-------- Source material
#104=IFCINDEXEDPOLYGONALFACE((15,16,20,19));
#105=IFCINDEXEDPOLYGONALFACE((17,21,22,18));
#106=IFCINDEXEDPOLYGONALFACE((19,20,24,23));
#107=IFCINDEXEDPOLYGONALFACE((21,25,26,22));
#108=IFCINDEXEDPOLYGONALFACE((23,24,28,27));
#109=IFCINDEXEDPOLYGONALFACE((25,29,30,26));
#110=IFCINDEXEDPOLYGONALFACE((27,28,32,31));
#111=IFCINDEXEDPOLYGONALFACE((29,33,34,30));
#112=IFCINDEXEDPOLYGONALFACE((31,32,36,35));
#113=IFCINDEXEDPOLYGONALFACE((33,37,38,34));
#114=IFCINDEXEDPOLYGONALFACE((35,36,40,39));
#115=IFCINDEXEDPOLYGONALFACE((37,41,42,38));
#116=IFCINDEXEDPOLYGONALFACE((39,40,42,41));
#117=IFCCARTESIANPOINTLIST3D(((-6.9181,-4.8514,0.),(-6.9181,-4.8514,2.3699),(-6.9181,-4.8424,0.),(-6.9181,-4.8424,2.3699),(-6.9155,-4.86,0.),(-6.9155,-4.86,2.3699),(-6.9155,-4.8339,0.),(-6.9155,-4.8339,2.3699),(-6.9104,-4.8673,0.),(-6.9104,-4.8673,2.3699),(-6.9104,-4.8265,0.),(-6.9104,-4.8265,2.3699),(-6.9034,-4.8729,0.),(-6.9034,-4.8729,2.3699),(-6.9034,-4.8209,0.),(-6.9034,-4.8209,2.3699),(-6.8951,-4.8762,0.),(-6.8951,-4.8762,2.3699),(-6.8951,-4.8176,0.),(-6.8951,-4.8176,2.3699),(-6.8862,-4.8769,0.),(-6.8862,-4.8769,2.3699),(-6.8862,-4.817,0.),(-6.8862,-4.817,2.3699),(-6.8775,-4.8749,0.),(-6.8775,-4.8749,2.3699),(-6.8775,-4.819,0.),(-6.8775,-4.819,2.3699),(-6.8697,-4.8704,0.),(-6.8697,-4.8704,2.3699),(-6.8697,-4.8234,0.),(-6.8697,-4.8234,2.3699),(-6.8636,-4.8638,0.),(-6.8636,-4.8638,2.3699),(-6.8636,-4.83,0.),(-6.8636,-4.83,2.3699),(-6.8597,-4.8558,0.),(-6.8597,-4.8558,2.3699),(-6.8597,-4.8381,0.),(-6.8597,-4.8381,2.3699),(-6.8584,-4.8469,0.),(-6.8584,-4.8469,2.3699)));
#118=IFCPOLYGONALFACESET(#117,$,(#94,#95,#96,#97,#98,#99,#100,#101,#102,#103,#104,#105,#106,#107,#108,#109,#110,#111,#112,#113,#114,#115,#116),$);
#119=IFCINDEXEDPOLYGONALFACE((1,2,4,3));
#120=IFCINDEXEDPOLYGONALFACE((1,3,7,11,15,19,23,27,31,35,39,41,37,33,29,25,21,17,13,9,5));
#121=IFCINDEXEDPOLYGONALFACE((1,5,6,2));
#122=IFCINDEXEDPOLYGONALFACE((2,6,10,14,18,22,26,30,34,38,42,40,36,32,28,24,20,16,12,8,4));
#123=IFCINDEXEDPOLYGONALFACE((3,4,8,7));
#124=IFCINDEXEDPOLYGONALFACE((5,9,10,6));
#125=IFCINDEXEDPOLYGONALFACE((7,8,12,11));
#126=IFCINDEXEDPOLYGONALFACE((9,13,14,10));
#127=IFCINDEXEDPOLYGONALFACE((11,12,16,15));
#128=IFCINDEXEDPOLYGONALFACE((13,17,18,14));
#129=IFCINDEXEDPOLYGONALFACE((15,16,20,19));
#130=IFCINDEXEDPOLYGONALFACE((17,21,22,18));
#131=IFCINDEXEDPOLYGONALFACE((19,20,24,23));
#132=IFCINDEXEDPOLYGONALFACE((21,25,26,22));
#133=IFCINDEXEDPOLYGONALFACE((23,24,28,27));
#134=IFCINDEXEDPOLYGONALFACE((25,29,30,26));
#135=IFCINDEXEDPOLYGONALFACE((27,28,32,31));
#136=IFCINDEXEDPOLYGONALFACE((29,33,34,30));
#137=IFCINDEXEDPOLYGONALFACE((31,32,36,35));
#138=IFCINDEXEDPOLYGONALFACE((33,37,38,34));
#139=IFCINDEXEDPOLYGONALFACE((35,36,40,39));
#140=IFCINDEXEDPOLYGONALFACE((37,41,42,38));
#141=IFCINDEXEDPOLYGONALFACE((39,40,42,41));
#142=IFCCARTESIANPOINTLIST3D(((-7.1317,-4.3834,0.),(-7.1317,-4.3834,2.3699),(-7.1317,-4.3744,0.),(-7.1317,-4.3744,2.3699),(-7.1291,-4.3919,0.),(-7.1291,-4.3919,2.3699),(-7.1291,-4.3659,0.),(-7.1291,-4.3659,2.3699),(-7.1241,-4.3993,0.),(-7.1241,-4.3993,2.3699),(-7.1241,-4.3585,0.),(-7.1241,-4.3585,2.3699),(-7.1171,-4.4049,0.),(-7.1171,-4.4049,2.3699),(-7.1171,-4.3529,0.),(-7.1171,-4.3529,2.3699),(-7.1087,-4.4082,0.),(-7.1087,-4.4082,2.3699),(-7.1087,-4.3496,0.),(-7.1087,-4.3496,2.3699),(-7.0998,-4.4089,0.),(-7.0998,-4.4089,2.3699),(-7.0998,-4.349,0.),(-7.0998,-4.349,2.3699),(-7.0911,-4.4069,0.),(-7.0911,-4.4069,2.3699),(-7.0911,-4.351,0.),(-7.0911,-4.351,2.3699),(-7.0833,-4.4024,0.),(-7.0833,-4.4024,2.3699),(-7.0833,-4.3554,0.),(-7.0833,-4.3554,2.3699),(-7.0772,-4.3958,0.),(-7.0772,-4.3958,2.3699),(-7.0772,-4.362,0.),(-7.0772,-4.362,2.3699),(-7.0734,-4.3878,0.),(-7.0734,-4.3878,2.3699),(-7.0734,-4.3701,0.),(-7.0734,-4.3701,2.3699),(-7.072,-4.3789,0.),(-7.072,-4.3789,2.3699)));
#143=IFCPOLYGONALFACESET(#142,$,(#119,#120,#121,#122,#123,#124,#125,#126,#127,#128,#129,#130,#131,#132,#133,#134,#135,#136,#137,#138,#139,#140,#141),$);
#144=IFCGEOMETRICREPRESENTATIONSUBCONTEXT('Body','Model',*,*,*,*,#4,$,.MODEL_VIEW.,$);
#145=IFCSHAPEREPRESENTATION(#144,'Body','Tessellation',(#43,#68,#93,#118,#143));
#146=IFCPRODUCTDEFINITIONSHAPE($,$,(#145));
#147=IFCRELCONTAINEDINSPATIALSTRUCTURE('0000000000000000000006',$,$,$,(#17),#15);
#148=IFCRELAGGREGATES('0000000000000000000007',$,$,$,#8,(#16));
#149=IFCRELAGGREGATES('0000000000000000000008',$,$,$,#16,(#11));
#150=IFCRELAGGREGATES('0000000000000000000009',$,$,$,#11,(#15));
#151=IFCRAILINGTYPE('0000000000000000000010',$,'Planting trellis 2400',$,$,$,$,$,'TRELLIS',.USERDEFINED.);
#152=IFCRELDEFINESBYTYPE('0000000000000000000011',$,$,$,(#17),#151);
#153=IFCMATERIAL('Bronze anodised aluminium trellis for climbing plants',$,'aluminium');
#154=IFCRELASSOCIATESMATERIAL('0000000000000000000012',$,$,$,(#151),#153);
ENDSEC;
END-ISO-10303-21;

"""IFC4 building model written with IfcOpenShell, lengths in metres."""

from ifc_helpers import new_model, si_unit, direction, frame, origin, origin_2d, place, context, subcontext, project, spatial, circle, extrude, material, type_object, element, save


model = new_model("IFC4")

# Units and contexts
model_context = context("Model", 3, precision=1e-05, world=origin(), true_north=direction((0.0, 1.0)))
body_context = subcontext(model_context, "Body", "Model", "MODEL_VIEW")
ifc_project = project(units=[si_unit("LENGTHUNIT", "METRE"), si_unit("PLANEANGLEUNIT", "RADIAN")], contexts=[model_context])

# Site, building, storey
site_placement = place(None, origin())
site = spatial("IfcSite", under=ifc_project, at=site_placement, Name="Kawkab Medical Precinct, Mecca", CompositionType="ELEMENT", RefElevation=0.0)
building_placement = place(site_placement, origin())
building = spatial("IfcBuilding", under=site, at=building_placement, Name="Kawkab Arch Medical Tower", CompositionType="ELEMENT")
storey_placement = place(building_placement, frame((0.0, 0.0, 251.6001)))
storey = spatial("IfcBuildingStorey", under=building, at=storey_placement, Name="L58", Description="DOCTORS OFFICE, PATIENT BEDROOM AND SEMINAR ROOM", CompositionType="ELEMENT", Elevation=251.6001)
----------------
All of the lines above that carry the string "frame" need to be found and copied.

from ifc_helpers import new_model, si_unit, direction, frame, origin, origin_2d, place, context, subcontext, project, spatial, circle, extrude, material, type_object, element, save
storey_placement = place(building_placement, frame((0.0, 0.0, 251.6001)))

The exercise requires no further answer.